[Stored data entries]
=== Begin Enclosure ===

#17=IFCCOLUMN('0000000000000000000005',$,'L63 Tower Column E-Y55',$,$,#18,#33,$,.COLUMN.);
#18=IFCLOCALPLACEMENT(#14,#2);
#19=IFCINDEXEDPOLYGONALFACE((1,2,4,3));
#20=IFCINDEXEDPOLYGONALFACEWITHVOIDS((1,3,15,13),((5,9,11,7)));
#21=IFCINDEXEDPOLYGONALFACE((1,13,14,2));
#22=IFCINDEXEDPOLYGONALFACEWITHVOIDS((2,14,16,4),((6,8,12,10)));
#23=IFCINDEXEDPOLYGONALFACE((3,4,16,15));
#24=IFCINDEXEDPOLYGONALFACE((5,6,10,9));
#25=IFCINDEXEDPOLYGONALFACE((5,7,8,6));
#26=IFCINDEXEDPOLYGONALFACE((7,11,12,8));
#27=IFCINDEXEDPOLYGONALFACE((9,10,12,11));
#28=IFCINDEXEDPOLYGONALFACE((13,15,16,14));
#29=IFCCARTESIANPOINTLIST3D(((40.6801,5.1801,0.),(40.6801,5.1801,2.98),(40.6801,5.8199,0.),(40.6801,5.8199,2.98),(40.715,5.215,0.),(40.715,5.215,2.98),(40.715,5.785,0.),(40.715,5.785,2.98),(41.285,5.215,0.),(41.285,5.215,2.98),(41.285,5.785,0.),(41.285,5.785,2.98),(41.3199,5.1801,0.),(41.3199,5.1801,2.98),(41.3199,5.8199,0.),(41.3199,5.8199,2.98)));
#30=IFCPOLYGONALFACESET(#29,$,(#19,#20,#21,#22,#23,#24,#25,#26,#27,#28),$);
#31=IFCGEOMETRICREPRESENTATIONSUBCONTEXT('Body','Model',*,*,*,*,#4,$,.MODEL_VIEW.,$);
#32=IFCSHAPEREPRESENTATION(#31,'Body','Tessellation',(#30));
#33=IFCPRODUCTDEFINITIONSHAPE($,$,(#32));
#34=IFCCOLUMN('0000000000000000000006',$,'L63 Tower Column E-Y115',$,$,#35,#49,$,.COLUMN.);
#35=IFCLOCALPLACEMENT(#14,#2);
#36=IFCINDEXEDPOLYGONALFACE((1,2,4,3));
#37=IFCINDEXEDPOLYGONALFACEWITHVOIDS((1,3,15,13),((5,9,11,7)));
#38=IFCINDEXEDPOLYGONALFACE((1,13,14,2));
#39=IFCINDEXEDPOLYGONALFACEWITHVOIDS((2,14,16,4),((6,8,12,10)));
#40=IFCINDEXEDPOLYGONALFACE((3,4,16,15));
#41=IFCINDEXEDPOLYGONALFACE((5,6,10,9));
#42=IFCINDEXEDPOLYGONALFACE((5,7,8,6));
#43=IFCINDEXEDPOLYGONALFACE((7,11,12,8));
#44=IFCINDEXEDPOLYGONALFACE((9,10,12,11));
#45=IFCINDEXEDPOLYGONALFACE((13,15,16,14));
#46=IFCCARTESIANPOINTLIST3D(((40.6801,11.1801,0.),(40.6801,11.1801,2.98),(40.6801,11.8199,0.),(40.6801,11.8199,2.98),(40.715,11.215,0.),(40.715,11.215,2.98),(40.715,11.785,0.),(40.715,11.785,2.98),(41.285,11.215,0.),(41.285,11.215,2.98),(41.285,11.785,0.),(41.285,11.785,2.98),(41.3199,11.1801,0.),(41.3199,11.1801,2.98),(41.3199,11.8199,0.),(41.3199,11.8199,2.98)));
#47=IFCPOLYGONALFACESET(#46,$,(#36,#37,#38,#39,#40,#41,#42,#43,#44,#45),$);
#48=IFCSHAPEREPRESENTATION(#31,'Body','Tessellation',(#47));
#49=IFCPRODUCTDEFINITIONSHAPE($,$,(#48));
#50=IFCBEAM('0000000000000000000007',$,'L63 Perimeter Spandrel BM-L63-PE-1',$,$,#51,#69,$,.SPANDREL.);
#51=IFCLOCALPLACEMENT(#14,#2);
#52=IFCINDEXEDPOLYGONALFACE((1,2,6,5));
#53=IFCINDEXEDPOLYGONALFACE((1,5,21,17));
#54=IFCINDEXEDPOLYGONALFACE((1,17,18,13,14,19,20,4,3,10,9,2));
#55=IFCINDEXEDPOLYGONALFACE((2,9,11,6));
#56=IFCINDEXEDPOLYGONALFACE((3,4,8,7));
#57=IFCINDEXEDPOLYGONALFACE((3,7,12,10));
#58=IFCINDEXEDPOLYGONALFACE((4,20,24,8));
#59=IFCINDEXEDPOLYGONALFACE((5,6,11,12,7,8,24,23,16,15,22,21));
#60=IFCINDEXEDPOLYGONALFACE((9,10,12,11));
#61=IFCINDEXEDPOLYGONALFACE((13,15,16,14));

=== End Enclosure ===

* **Exercise objective**: A single number is the answer here: how many lines above carry the string "IFCLOCALPLACEMENT"?

* **Result for this exercise**: 3